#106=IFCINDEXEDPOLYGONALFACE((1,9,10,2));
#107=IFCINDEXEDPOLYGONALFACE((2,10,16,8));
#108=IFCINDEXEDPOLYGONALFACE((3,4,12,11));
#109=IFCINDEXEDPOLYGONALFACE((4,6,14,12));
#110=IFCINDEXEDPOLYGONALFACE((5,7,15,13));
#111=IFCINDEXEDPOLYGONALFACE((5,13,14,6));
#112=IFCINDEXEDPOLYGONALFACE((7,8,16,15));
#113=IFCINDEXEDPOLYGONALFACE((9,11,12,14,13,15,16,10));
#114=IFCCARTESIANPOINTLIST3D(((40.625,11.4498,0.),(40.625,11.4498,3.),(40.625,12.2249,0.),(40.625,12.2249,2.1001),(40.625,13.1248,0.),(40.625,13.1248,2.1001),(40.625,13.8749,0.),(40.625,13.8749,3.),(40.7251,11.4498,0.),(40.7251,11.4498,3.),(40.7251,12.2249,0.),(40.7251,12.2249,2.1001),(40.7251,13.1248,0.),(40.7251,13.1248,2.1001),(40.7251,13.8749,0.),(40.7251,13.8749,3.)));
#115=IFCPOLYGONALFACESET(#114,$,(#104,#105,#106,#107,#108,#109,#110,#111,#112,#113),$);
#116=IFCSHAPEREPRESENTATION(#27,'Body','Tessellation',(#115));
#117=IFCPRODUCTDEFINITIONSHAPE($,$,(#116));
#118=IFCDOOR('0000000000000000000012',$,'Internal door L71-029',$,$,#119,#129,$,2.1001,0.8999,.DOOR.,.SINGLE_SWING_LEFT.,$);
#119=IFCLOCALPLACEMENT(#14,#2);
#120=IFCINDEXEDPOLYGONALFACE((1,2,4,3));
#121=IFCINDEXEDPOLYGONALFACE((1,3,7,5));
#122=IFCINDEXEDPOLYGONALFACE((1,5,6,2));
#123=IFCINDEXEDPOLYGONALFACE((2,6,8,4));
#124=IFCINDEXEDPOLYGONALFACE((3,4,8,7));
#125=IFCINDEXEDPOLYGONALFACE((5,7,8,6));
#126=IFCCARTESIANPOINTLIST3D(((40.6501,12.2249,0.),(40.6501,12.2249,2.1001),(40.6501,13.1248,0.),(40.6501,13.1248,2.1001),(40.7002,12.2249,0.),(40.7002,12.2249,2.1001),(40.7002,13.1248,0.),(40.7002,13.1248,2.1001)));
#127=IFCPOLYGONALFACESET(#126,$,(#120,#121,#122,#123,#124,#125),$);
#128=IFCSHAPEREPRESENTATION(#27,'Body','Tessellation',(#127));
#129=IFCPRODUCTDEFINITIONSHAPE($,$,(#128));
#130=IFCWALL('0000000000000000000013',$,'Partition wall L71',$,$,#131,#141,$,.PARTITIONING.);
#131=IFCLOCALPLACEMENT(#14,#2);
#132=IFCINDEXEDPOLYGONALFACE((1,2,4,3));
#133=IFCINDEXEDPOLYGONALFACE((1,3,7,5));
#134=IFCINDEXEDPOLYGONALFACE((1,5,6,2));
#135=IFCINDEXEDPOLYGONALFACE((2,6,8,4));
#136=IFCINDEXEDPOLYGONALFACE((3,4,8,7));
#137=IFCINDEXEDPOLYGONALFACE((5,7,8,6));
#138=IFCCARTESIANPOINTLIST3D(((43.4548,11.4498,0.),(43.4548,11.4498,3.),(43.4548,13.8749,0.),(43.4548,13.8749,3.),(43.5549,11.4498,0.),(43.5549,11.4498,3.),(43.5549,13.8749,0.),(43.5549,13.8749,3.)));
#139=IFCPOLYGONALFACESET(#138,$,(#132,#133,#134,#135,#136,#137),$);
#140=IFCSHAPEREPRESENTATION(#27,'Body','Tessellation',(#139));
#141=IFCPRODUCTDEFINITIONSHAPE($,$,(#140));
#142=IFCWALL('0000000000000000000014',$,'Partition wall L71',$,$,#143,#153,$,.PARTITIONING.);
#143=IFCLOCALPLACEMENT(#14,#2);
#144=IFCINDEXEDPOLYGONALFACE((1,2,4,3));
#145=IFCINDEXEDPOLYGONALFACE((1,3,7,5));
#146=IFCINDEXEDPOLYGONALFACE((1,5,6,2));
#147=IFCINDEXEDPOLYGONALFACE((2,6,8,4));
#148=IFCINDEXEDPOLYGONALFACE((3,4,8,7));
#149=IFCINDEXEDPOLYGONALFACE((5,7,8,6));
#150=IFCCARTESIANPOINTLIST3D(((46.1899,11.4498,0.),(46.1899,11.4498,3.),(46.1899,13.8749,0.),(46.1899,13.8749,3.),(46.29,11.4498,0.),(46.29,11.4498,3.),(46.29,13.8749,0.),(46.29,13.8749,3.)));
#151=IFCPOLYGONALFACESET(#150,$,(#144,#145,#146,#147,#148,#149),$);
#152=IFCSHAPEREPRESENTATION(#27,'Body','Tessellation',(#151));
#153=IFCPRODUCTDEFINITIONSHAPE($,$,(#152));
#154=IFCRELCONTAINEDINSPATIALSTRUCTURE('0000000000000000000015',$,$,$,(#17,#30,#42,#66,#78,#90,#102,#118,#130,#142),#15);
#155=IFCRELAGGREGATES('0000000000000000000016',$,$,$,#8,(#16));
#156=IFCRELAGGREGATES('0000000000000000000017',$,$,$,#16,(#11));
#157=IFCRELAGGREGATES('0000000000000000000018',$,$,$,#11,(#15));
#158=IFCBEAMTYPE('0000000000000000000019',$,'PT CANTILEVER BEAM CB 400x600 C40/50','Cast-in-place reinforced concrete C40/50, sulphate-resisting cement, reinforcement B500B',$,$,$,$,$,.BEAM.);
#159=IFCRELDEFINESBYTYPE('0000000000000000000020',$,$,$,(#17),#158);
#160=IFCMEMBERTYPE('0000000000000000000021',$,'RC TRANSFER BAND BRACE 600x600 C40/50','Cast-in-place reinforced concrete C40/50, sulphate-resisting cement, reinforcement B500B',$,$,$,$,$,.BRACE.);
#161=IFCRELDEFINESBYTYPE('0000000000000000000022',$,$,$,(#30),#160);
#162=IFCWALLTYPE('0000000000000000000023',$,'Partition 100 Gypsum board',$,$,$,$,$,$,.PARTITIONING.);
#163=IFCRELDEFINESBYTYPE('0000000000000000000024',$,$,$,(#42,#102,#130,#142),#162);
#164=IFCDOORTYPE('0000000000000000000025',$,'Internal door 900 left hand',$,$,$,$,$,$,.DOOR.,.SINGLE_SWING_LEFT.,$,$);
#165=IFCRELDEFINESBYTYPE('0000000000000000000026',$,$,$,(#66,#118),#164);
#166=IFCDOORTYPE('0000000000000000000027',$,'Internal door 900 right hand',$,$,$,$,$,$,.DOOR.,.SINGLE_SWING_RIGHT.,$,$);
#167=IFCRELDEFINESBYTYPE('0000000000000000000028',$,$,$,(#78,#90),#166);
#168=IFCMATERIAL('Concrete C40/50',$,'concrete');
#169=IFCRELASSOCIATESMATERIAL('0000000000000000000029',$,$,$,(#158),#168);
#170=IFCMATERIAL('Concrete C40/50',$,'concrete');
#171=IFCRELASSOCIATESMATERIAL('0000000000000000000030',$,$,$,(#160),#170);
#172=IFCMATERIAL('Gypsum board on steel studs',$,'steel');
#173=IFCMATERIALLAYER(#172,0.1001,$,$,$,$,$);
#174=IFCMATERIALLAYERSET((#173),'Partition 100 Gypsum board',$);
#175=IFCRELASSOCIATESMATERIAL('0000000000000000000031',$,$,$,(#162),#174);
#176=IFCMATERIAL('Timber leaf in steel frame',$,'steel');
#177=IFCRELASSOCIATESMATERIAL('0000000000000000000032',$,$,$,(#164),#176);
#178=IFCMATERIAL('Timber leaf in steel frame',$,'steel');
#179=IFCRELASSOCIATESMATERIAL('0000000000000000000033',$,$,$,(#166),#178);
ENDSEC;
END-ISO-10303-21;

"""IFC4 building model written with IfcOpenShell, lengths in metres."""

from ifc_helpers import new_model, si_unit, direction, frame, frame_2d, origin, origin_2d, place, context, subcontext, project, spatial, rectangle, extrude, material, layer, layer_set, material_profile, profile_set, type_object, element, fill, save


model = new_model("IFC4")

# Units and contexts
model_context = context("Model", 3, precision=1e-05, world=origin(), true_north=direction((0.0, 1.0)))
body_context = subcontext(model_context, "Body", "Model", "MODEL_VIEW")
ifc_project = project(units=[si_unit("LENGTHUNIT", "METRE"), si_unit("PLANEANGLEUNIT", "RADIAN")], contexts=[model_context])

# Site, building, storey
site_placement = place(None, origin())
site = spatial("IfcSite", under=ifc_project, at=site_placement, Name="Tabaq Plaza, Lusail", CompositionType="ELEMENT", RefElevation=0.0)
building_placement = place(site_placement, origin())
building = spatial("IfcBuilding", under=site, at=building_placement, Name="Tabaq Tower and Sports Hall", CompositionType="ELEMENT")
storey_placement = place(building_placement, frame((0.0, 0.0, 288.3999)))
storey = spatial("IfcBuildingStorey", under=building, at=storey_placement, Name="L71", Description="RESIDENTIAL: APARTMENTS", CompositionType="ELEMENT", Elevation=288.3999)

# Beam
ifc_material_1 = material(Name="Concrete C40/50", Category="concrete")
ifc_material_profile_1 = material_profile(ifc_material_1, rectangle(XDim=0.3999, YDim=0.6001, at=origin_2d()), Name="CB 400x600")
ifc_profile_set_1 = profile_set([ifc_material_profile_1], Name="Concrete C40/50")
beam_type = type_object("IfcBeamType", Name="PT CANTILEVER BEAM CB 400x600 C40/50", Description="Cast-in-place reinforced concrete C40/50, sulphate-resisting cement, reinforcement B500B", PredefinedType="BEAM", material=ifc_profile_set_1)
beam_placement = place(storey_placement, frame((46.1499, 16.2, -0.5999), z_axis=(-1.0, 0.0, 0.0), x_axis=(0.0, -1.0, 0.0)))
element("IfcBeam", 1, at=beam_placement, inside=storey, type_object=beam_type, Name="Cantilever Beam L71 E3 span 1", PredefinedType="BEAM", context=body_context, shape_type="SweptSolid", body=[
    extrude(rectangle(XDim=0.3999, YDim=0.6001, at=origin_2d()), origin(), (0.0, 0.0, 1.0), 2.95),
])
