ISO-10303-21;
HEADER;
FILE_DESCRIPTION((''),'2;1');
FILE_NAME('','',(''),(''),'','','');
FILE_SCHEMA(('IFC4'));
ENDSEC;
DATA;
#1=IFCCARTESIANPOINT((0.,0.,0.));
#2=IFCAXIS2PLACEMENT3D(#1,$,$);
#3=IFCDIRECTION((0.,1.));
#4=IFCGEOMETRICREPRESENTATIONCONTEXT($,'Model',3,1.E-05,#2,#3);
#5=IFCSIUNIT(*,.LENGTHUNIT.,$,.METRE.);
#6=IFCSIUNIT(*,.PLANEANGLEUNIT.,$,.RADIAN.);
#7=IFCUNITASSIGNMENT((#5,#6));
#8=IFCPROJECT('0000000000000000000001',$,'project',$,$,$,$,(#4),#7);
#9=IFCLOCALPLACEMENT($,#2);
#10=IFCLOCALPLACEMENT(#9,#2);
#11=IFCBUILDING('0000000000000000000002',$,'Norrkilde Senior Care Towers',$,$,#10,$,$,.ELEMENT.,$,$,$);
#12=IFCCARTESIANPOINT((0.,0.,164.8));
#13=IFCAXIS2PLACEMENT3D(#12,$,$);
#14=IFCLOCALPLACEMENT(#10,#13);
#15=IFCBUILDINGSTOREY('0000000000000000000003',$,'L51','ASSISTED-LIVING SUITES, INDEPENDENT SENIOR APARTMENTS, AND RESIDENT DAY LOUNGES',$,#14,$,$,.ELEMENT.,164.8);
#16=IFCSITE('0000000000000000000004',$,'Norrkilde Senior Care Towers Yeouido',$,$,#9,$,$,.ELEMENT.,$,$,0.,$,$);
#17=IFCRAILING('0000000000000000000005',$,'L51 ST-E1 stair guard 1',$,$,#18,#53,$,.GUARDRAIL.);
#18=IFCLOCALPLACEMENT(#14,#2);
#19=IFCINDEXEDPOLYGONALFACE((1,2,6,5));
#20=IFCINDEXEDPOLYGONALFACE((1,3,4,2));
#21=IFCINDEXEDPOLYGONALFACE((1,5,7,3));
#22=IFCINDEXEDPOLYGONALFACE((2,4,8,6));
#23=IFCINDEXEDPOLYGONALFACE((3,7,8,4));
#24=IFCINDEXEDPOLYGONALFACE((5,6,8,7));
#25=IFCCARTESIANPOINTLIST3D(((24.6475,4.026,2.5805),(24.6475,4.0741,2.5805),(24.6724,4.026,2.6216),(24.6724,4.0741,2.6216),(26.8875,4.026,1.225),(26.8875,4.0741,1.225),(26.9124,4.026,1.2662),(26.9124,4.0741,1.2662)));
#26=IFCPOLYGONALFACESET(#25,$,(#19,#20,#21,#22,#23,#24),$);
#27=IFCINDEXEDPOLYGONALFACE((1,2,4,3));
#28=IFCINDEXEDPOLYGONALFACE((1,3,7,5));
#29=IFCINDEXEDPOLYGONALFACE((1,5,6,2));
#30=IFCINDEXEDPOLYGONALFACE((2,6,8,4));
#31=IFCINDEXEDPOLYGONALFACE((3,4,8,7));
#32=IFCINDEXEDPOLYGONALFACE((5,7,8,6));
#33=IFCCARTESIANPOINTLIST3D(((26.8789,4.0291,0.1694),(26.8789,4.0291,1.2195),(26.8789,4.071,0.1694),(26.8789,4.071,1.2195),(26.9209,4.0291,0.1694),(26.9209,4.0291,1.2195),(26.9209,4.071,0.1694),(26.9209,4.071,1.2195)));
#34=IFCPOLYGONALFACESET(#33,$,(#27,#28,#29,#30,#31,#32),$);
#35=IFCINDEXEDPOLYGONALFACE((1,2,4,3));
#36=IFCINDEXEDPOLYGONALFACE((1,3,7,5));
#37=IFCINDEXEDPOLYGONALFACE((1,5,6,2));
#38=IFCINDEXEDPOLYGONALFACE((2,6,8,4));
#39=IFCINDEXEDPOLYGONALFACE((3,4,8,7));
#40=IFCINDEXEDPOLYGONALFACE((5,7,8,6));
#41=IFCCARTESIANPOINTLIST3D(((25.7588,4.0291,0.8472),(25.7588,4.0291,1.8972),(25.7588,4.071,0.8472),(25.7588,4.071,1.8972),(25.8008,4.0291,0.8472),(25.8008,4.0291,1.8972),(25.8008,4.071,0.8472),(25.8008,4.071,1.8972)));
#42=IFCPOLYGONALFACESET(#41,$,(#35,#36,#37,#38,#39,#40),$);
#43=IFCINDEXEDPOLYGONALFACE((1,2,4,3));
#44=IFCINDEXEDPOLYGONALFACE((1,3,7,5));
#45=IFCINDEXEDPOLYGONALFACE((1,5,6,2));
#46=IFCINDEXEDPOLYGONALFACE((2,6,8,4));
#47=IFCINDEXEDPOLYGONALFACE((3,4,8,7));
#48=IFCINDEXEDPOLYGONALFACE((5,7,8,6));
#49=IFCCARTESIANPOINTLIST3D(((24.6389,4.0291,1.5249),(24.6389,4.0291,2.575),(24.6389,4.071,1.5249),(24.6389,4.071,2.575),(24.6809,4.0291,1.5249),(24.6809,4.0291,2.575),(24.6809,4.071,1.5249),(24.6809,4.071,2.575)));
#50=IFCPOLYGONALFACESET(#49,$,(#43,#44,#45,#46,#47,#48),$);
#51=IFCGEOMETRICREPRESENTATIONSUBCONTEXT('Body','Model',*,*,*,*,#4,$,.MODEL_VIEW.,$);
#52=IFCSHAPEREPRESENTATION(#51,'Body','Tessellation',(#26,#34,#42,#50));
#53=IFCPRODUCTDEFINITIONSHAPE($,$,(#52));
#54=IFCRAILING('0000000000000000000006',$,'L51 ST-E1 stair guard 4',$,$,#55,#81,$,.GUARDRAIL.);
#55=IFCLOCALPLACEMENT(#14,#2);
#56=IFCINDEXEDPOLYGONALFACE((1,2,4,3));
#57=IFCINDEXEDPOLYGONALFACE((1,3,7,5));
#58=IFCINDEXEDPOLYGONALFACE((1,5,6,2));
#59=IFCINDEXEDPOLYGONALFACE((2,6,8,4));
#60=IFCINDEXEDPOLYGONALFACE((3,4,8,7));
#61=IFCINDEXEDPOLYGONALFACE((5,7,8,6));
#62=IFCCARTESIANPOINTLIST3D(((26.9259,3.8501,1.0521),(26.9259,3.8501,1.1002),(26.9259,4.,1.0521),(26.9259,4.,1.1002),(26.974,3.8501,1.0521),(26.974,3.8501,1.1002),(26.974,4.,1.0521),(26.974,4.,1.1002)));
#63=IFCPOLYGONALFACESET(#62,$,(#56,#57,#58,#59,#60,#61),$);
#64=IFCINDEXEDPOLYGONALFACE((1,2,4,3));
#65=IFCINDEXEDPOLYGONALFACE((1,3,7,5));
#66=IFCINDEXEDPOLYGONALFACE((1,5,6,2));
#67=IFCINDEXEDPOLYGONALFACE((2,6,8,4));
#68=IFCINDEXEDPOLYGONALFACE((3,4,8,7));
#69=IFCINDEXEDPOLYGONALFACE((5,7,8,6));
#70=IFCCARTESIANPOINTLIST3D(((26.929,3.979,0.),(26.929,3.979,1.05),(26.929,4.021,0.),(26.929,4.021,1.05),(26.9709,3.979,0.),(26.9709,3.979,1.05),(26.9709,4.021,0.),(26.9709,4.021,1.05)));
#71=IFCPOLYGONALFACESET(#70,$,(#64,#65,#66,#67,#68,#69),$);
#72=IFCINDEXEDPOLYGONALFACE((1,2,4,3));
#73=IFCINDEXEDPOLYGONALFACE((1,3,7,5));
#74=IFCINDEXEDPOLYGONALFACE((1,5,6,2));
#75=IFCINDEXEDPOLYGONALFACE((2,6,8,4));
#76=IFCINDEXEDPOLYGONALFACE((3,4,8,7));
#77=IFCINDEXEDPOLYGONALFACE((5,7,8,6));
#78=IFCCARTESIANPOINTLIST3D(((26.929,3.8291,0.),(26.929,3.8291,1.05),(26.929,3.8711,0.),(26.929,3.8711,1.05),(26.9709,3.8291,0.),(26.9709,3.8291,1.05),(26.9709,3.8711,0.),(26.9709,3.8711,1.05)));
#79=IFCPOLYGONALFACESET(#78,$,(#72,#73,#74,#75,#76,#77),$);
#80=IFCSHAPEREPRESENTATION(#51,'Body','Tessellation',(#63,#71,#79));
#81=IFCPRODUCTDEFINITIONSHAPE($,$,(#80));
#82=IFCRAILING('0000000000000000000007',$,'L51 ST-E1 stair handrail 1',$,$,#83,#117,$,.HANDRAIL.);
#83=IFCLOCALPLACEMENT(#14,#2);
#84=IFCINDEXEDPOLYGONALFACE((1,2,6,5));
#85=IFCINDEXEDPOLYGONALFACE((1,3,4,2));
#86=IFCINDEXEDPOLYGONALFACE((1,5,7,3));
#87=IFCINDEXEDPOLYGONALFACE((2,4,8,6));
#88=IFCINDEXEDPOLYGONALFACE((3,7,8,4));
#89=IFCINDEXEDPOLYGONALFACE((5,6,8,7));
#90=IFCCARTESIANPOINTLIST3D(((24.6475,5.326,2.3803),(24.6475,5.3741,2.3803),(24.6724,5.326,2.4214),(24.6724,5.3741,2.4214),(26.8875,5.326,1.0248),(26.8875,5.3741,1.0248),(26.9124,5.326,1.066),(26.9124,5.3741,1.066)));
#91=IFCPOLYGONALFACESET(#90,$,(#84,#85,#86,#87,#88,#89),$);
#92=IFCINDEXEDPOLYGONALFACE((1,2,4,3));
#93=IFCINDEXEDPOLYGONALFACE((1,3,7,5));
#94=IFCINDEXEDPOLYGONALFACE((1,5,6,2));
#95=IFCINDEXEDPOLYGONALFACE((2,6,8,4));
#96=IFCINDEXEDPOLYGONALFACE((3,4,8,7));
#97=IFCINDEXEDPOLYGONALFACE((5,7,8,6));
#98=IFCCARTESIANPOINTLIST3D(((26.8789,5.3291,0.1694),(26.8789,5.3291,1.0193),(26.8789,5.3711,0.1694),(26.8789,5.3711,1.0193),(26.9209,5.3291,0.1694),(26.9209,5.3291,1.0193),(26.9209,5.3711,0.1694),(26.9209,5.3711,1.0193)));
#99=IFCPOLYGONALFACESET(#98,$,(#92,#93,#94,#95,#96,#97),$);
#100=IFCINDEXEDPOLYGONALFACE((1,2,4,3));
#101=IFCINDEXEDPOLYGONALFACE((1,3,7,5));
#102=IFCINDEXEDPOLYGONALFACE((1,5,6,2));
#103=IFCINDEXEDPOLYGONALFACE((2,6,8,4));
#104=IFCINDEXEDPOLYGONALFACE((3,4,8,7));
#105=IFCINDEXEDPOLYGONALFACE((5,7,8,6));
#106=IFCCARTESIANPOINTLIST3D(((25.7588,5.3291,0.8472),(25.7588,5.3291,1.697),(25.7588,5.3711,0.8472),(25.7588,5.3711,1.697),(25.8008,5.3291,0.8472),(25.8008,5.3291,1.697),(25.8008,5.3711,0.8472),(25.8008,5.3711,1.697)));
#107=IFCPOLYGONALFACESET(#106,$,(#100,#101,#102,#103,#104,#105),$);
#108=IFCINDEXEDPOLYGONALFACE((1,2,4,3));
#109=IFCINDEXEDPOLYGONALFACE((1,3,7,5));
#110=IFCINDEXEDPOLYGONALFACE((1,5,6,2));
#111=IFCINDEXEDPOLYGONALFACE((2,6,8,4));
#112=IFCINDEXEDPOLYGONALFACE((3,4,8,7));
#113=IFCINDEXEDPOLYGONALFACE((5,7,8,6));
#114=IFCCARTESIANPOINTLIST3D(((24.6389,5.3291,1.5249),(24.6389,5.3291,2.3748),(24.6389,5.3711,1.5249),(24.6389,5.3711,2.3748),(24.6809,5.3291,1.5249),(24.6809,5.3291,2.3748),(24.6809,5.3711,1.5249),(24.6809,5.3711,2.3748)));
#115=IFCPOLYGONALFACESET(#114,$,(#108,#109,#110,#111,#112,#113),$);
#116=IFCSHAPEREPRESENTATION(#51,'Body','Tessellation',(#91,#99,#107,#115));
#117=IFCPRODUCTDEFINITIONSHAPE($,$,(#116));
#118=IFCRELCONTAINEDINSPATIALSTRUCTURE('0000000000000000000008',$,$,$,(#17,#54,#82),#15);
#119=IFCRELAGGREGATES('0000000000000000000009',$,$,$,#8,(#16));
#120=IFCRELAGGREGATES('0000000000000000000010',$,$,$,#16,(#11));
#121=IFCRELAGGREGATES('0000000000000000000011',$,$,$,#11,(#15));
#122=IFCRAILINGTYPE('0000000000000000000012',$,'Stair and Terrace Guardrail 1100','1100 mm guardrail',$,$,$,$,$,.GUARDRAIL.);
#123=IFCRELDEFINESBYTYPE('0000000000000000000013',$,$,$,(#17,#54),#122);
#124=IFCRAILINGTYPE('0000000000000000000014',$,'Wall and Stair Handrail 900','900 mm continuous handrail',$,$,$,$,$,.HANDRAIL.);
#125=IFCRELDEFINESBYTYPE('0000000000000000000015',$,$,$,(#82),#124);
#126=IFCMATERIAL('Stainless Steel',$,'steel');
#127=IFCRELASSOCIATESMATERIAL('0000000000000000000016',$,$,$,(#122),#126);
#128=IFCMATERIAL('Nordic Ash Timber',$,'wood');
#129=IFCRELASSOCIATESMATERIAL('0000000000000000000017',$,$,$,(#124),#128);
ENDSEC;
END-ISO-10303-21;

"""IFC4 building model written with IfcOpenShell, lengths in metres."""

from ifc_helpers import new_model, si_unit, direction, frame, origin, origin_2d, place, context, subcontext, project, spatial, rectangle, extrude, material, type_object, element, save


model = new_model("IFC4")

# Units and contexts
model_context = context("Model", 3, precision=1e-05, world=origin(), true_north=direction((0.0, 1.0)))
body_context = subcontext(model_context, "Body", "Model", "MODEL_VIEW")
ifc_project = project(units=[si_unit("LENGTHUNIT", "METRE"), si_unit("PLANEANGLEUNIT", "RADIAN")], contexts=[model_context])

# Site, building, storey
site_placement = place(None, origin())
site = spatial("IfcSite", under=ifc_project, at=site_placement, Name="Norrkilde Senior Care Towers Yeouido", CompositionType="ELEMENT", RefElevation=0.0)
building_placement = place(site_placement, origin())
building = spatial("IfcBuilding", under=site, at=building_placement, Name="Norrkilde Senior Care Towers", CompositionType="ELEMENT")
storey_placement = place(building_placement, frame((0.0, 0.0, 164.8)))
storey = spatial("IfcBuildingStorey", under=building, at=storey_placement, Name="L51", Description="ASSISTED-LIVING SUITES, INDEPENDENT SENIOR APARTMENTS, AND RESIDENT DAY LOUNGES", CompositionType="ELEMENT", Elevation=164.8)

# Shared definitions
ifc_material_1 = material(Name="Stainless Steel", Category="steel")

# Shared definitions
ifc_material_2 = material(Name="Nordic Ash Timber", Category="wood")

# Railings
railing_type_1 = type_object("IfcRailingType", Name="Stair and Terrace Guardrail 1100", Description="1100 mm guardrail", PredefinedType="GUARDRAIL", material=ifc_material_1)
railing_1_placement = place(storey_placement, frame((26.8999, 4.05, 0.1694)))
element("IfcRailing", 1, at=railing_1_placement, inside=storey, type_object=railing_type_1, Name="L51 ST-E1 stair guard 1", PredefinedType="GUARDRAIL", context=body_context, shape_type="SweptSolid", body=[
    extrude(rectangle(XDim=0.0481, YDim=0.0481, at=origin_2d()), frame((0.0, 0.0, 1.0762), z_axis=(-0.855553, 0.0, 0.517715), x_axis=(0.0, -1.0, 0.0)), (0.0, 0.0, 1.0), 2.6182),
    extrude(rectangle(XDim=0.042, YDim=0.042, at=origin_2d()), origin(), (0.0, 0.0, 1.0), 1.05),
    extrude(rectangle(XDim=0.042, YDim=0.042, at=origin_2d()), frame((-1.1201, 0.0, 0.6777)), (0.0, 0.0, 1.0), 1.05),
    extrude(rectangle(XDim=0.042, YDim=0.042, at=origin_2d()), frame((-2.24, 0.0, 1.3555)), (0.0, 0.0, 1.0), 1.05),
])
railing_2_placement = place(storey_placement, frame((26.95, 4.0, 0.0)))
element("IfcRailing", 2, at=railing_2_placement, inside=storey, type_object=railing_type_1, Name="L51 ST-E1 stair guard 4", PredefinedType="GUARDRAIL", context=body_context, shape_type="SweptSolid", body=[
    extrude(rectangle(XDim=0.0481, YDim=0.0481, at=origin_2d()), frame((0.0, 0.0, 1.0762), z_axis=(0.0, -1.0, 0.0), x_axis=(1.0, 0.0, 0.0)), (0.0, 0.0, 1.0), 0.1499),
    extrude(rectangle(XDim=0.042, YDim=0.042, at=origin_2d()), origin(), (0.0, 0.0, 1.0), 1.05),
    extrude(rectangle(XDim=0.042, YDim=0.042, at=origin_2d()), frame((0.0, -0.1499, 0.0)), (0.0, 0.0, 1.0), 1.05),
])
railing_type_2 = type_object("IfcRailingType", Name="Wall and Stair Handrail 900", Description="900 mm continuous handrail", PredefinedType="HANDRAIL", material=ifc_material_2)
railing_3_placement = place(storey_placement, frame((26.8999, 5.3501, 0.1694)))
element("IfcRailing", 3, at=railing_3_placement, inside=storey, type_object=railing_type_2, Name="L51 ST-E1 stair handrail 1", PredefinedType="HANDRAIL", context=body_context, shape_type="SweptSolid", body=[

WHAT THE TASK REQUIRES: Please give back the records exactly as written, beginning at the first line and including the line that holds "#113=IFCINDEXEDPOLYGONALFACE((9,11,12,14,13,15,16,10));" as the last.

RESPONSE:
#106=IFCINDEXEDPOLYGONALFACE((1,9,10,2));
#107=IFCINDEXEDPOLYGONALFACE((2,10,16,8));
#108=IFCINDEXEDPOLYGONALFACE((3,4,12,11));
#109=IFCINDEXEDPOLYGONALFACE((4,6,14,12));
#110=IFCINDEXEDPOLYGONALFACE((5,7,15,13));
#111=IFCINDEXEDPOLYGONALFACE((5,13,14,6));
#112=IFCINDEXEDPOLYGONALFACE((7,8,16,15));
#113=IFCINDEXEDPOLYGONALFACE((9,11,12,14,13,15,16,10));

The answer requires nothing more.